• _Study material_:
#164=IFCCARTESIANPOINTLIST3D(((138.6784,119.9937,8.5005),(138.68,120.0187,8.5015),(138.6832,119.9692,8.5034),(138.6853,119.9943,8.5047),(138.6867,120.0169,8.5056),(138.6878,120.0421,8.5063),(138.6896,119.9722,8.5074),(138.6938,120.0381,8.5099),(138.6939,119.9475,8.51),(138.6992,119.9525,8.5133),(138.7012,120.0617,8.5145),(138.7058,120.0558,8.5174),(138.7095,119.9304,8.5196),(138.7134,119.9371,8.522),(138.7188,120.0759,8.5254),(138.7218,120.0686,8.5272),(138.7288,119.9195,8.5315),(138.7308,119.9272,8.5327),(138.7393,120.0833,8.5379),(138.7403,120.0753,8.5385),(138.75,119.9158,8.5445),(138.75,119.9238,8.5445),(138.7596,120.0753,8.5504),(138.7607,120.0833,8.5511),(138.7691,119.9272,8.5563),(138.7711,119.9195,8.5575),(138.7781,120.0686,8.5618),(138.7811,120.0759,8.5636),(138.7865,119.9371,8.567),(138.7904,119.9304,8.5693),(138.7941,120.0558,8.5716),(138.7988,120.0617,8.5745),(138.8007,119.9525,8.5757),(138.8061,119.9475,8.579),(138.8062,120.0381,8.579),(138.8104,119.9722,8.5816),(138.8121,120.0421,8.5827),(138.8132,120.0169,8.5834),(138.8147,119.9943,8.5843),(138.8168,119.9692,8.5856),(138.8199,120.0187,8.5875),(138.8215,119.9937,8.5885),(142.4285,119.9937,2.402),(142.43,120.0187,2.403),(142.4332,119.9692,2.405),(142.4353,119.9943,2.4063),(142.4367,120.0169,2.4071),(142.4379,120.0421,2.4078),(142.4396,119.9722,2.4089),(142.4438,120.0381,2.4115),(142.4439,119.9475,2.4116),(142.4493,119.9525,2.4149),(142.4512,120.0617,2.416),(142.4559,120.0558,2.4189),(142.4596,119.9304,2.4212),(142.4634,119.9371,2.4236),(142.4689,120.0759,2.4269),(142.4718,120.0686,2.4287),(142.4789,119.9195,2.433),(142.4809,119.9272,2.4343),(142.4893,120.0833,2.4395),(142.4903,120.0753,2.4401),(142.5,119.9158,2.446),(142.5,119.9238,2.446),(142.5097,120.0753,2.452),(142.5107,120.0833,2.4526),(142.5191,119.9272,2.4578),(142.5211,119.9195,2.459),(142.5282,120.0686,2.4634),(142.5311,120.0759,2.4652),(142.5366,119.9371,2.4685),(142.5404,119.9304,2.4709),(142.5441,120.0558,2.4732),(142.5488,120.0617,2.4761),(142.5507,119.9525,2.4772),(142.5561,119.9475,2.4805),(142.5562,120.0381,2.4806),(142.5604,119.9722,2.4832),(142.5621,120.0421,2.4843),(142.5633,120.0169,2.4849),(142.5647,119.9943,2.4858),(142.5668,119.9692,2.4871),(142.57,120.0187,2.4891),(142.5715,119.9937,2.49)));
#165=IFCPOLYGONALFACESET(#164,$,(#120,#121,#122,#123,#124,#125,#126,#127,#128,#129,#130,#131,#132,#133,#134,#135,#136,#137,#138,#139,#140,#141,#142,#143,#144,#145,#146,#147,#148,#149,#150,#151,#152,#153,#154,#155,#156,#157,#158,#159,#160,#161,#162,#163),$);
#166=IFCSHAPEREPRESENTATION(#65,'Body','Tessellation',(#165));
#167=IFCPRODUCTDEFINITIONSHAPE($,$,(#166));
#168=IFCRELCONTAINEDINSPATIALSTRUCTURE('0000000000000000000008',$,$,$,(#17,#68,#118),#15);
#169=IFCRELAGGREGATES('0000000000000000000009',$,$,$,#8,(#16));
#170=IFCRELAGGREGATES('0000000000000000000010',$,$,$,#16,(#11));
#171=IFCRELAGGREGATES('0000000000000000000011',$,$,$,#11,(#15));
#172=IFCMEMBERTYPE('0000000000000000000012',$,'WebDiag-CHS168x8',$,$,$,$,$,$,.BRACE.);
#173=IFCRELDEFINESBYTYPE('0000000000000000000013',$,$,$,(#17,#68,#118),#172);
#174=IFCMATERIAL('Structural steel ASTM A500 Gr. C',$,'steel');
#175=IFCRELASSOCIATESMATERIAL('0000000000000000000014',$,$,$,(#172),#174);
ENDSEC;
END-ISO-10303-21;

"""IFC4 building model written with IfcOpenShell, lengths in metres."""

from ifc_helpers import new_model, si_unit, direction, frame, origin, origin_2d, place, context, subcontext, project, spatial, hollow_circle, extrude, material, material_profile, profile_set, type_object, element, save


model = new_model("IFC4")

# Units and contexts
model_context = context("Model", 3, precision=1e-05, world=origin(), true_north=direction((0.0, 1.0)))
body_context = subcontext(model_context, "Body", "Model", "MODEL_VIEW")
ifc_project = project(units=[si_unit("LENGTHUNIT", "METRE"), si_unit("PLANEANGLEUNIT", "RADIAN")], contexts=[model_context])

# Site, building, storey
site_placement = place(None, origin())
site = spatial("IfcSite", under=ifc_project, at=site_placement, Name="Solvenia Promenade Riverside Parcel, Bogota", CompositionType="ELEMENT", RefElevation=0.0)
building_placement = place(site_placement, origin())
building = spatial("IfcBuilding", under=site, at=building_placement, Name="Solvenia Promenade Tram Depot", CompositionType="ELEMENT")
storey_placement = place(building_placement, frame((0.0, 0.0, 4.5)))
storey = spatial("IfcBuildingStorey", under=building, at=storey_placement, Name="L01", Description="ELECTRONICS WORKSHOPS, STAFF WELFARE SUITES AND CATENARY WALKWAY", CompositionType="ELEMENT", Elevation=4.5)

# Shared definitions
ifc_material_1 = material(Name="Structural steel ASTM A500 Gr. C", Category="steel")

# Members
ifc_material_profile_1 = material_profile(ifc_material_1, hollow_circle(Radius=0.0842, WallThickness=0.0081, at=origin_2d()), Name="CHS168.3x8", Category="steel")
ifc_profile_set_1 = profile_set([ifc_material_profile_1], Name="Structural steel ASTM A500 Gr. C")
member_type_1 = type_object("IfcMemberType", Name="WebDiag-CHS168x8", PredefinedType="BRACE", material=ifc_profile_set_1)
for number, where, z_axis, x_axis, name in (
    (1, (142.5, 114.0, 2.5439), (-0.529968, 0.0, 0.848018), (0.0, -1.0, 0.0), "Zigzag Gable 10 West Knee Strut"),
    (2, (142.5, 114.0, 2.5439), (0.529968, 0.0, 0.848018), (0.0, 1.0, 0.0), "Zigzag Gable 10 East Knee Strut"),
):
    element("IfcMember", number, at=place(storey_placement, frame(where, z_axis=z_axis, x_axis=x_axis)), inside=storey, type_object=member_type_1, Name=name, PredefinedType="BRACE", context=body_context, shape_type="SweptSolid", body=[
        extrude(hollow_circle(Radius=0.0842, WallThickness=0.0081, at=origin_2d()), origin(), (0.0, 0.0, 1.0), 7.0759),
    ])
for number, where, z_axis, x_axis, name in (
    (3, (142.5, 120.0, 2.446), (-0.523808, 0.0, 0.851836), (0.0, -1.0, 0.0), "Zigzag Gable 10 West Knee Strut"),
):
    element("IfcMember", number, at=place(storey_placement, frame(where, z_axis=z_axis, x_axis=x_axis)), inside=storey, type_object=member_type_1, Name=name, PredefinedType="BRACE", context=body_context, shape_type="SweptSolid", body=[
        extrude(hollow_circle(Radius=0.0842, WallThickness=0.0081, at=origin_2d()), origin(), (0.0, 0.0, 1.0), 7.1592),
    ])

• _Task prompt_: Reproducing the whole listing above is not the task. Copy exactly only the lines from the one with "#167=IFCPRODUCTDEFINITIONSHAPE($,$,(#166));" to the one with "#169=IFCRELAGGREGATES('0000000000000000000009',$,$,$,#8,(#16));", both kept.

• _Answer to the exercise_:
#167=IFCPRODUCTDEFINITIONSHAPE($,$,(#166));
#168=IFCRELCONTAINEDINSPATIALSTRUCTURE('0000000000000000000008',$,$,$,(#17,#68,#118),#15);
#169=IFCRELAGGREGATES('0000000000000000000009',$,$,$,#8,(#16));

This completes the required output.